- [WORKING DATA]
=== Section Start ===
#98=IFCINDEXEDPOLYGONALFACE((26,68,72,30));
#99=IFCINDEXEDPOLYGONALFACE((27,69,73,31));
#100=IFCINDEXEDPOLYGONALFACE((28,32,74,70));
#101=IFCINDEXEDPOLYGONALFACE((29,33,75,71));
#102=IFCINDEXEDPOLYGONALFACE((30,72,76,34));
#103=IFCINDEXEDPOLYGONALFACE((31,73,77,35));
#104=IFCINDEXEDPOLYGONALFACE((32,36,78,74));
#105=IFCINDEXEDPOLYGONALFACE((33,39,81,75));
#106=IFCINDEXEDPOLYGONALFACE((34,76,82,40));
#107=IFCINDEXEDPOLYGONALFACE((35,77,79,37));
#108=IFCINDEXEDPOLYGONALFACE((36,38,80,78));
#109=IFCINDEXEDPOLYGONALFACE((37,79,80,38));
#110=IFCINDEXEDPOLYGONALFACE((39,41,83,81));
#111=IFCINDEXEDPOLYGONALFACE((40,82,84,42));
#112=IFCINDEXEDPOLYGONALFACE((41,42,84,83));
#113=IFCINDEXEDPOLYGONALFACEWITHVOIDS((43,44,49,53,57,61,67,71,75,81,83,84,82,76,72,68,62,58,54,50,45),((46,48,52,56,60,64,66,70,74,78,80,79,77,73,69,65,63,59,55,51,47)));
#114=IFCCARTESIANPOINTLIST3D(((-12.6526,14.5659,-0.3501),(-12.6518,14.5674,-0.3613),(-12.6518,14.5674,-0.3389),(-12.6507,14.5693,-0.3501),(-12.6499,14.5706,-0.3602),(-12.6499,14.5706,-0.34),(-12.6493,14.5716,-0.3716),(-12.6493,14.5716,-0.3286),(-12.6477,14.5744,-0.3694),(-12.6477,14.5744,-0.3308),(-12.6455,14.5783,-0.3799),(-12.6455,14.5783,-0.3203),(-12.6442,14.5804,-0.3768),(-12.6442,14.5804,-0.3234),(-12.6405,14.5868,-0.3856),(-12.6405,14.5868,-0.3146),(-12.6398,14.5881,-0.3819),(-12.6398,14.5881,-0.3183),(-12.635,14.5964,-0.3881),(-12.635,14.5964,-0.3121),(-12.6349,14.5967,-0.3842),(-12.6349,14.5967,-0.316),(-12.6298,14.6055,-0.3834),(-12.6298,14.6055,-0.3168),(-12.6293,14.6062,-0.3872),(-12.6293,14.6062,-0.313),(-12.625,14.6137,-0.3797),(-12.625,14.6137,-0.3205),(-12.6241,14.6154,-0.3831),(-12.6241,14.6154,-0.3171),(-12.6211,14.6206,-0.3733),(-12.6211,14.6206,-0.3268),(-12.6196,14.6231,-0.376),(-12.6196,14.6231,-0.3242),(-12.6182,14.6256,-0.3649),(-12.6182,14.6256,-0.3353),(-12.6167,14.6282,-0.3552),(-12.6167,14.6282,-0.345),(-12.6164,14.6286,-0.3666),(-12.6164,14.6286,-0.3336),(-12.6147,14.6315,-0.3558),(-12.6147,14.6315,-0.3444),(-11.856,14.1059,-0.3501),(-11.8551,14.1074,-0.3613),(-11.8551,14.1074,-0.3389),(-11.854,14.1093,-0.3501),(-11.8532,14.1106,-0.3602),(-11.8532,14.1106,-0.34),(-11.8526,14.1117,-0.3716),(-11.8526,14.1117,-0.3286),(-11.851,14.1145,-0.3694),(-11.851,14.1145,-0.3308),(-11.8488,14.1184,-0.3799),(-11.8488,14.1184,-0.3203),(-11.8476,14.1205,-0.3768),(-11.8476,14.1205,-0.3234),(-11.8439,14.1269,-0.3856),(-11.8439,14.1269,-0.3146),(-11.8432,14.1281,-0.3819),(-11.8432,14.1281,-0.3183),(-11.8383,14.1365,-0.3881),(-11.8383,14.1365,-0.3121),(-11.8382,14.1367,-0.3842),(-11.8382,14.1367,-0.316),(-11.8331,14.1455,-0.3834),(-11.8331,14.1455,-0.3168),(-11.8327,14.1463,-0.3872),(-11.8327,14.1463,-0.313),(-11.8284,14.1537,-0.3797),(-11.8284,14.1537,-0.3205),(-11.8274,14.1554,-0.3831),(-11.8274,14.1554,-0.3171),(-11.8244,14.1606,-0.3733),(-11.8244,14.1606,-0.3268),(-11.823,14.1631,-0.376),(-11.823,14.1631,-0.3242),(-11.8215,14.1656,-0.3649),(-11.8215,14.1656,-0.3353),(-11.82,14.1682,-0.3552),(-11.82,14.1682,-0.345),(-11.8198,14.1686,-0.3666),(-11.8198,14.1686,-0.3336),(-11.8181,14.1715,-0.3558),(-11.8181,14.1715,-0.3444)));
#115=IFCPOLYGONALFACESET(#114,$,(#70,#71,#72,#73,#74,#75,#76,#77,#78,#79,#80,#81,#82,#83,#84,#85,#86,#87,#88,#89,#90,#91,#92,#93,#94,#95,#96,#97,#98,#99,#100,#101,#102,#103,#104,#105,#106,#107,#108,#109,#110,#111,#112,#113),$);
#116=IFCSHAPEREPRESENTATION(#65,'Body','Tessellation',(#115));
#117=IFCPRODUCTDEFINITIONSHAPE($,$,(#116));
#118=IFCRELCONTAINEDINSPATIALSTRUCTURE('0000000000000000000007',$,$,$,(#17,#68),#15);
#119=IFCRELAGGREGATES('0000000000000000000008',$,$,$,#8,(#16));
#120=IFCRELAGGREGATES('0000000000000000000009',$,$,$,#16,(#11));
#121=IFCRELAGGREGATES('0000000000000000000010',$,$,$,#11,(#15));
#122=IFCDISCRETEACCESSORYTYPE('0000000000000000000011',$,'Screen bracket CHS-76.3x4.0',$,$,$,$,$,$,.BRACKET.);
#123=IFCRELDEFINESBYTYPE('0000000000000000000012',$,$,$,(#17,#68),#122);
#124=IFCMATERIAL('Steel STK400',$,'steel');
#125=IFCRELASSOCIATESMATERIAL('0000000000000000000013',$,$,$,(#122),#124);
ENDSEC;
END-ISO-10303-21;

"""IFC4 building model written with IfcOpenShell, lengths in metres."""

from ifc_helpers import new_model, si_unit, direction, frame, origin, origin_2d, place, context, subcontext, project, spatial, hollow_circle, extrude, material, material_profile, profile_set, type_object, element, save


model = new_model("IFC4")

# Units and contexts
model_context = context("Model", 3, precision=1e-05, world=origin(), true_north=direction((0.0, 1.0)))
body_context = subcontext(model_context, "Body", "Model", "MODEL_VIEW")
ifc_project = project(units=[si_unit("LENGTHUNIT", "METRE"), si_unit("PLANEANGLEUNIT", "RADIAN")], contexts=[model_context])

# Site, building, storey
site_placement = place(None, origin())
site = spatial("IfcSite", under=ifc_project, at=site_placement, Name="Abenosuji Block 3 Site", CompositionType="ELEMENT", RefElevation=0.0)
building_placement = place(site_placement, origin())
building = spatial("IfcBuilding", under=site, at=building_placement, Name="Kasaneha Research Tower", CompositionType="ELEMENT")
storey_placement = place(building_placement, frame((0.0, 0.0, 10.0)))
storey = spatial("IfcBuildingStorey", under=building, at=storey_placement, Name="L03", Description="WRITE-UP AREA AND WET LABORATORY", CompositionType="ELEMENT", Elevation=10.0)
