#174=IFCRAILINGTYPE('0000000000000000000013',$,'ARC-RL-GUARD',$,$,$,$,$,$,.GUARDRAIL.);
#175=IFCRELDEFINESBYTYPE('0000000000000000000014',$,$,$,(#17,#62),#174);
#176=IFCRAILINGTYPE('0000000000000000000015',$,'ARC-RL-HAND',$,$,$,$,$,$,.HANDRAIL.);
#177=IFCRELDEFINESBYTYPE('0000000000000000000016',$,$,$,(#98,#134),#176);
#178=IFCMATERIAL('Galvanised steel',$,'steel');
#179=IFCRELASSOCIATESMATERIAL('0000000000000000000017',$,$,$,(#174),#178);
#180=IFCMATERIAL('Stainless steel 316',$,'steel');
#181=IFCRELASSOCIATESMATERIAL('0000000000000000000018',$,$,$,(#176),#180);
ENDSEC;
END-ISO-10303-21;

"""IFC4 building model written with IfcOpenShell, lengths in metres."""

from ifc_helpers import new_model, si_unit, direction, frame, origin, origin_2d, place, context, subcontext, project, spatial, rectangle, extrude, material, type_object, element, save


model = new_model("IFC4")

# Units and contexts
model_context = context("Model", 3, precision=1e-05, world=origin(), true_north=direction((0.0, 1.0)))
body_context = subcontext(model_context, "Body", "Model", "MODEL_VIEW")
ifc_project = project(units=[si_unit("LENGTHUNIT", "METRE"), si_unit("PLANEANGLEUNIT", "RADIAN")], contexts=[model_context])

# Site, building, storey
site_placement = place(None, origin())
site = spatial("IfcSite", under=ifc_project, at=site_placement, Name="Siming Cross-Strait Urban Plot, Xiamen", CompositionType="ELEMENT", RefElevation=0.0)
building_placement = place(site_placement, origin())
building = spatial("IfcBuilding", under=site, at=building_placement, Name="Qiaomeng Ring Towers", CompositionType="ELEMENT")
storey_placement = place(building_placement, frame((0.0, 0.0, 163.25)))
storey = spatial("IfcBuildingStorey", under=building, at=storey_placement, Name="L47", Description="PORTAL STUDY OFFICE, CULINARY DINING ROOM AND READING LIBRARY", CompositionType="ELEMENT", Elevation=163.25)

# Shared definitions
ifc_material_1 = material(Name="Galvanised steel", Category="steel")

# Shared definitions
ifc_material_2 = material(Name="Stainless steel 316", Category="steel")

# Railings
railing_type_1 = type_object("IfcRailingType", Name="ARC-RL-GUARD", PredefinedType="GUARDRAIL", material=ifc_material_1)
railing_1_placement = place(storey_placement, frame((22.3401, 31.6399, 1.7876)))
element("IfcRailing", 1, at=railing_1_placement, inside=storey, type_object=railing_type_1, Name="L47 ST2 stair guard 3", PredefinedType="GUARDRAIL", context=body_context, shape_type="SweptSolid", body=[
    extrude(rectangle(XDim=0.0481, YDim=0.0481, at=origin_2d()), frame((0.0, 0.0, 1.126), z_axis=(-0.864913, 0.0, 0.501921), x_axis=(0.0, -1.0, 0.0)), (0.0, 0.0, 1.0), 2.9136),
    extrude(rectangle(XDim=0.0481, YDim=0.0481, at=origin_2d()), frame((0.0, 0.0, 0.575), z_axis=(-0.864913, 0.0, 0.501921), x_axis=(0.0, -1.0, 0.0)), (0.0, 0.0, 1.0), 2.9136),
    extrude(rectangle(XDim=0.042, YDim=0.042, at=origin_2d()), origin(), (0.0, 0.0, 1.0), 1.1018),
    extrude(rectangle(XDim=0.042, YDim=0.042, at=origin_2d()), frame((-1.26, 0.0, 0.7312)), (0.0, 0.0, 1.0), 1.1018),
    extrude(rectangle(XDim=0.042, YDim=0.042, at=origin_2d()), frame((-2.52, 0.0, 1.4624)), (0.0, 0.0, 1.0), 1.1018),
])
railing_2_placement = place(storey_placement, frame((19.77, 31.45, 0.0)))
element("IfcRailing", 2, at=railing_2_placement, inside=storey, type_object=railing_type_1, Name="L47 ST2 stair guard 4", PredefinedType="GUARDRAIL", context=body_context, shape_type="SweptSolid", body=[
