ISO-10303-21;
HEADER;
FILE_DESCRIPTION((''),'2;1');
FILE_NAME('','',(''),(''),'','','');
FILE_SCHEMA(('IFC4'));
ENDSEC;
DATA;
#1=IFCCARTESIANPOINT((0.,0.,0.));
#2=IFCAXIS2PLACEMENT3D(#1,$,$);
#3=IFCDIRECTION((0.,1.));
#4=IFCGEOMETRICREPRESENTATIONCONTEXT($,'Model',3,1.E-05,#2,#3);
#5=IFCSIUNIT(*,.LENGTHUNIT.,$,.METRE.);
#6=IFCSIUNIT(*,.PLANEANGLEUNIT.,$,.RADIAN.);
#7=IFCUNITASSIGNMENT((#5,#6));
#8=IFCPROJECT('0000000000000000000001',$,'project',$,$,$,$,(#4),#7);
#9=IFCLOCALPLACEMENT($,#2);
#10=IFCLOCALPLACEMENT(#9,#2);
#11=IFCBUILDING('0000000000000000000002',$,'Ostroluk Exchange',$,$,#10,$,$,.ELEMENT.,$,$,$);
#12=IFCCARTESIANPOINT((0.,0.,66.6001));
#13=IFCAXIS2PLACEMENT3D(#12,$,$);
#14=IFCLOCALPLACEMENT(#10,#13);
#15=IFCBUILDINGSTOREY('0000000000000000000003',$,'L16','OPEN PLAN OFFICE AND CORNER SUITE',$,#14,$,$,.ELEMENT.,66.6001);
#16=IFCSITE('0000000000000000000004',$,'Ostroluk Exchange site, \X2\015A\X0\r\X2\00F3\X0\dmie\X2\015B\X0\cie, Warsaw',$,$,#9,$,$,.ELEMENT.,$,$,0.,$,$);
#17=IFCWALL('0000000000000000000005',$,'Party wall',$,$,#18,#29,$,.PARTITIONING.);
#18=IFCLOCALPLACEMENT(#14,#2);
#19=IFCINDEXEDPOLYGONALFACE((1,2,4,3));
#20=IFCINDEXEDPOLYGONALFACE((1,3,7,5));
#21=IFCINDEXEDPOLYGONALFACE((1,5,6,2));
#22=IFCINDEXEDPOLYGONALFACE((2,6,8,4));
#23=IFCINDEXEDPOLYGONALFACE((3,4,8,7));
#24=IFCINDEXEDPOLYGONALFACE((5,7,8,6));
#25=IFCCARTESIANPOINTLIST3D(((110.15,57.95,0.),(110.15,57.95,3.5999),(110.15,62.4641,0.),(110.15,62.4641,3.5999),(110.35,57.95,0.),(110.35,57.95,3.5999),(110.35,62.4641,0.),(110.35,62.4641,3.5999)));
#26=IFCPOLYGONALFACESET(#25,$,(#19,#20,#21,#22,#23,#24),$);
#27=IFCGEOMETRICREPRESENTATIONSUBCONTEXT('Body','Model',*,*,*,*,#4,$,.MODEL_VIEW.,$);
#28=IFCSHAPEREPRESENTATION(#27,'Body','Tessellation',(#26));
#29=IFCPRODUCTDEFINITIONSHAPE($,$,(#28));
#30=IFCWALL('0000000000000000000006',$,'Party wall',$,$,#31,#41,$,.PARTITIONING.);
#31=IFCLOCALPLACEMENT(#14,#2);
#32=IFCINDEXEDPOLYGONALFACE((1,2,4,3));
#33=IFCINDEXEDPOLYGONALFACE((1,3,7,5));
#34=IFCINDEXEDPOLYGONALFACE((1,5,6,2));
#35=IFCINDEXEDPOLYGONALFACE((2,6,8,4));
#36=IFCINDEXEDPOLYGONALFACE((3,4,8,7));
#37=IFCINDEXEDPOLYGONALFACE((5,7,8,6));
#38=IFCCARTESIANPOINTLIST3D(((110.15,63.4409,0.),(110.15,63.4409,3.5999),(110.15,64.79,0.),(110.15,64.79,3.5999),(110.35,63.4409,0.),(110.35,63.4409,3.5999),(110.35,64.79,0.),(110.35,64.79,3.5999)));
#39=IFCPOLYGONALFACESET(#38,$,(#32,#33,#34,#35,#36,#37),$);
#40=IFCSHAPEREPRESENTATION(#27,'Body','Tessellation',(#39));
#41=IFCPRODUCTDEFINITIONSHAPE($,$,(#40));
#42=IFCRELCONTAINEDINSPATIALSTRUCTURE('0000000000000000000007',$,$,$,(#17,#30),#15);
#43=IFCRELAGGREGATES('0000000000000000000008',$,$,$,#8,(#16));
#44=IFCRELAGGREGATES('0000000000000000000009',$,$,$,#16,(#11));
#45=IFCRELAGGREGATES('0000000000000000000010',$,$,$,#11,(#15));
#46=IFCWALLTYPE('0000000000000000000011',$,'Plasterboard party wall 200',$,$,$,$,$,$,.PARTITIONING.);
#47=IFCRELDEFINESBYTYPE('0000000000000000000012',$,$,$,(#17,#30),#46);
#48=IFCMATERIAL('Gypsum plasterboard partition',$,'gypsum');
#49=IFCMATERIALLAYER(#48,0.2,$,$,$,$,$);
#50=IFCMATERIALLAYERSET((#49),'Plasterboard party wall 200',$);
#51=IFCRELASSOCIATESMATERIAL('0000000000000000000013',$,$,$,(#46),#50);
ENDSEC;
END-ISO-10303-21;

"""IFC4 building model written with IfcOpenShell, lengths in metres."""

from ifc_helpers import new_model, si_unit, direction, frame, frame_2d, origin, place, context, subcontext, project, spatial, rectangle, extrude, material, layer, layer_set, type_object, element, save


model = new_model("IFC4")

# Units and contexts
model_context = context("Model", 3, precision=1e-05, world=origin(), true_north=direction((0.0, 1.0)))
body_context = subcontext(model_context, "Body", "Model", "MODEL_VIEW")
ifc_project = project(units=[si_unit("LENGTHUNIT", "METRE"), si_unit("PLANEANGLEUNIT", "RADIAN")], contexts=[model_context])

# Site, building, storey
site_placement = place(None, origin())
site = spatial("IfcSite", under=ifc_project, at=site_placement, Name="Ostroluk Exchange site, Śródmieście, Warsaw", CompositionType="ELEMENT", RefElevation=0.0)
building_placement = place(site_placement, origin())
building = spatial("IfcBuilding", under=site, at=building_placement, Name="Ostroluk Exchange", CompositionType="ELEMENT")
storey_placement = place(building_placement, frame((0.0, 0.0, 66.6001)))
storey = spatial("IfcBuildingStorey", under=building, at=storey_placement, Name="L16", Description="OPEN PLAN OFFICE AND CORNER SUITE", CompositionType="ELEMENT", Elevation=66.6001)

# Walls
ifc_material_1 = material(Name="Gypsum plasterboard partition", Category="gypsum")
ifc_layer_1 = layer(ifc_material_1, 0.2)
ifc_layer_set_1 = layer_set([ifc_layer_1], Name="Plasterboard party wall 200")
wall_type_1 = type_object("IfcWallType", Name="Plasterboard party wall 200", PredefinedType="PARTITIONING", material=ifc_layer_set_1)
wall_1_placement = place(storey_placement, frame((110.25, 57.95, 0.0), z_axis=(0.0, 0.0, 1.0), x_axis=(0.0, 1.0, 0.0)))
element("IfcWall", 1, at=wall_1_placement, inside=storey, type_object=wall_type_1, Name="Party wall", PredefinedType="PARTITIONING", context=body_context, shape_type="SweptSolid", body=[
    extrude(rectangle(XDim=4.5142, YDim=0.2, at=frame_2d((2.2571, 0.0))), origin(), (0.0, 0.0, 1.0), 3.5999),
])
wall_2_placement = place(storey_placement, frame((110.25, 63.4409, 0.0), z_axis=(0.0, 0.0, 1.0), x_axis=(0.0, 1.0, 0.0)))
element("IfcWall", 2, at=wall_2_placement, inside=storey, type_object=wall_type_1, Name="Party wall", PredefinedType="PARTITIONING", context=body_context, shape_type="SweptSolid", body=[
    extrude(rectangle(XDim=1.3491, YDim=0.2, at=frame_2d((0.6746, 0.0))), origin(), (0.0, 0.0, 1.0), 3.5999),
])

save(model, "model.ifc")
=== Section End ===
- [TO DO] Every line above that holds the word "IFCPOLYGONALFACESET" needs to be copied.

- [REPLY TO THE TASK]
#115=IFCPOLYGONALFACESET(#114,$,(#70,#71,#72,#73,#74,#75,#76,#77,#78,#79,#80,#81,#82,#83,#84,#85,#86,#87,#88,#89,#90,#91,#92,#93,#94,#95,#96,#97,#98,#99,#100,#101,#102,#103,#104,#105,#106,#107,#108,#109,#110,#111,#112,#113),$);
#26=IFCPOLYGONALFACESET(#25,$,(#19,#20,#21,#22,#23,#24),$);
#39=IFCPOLYGONALFACESET(#38,$,(#32,#33,#34,#35,#36,#37),$);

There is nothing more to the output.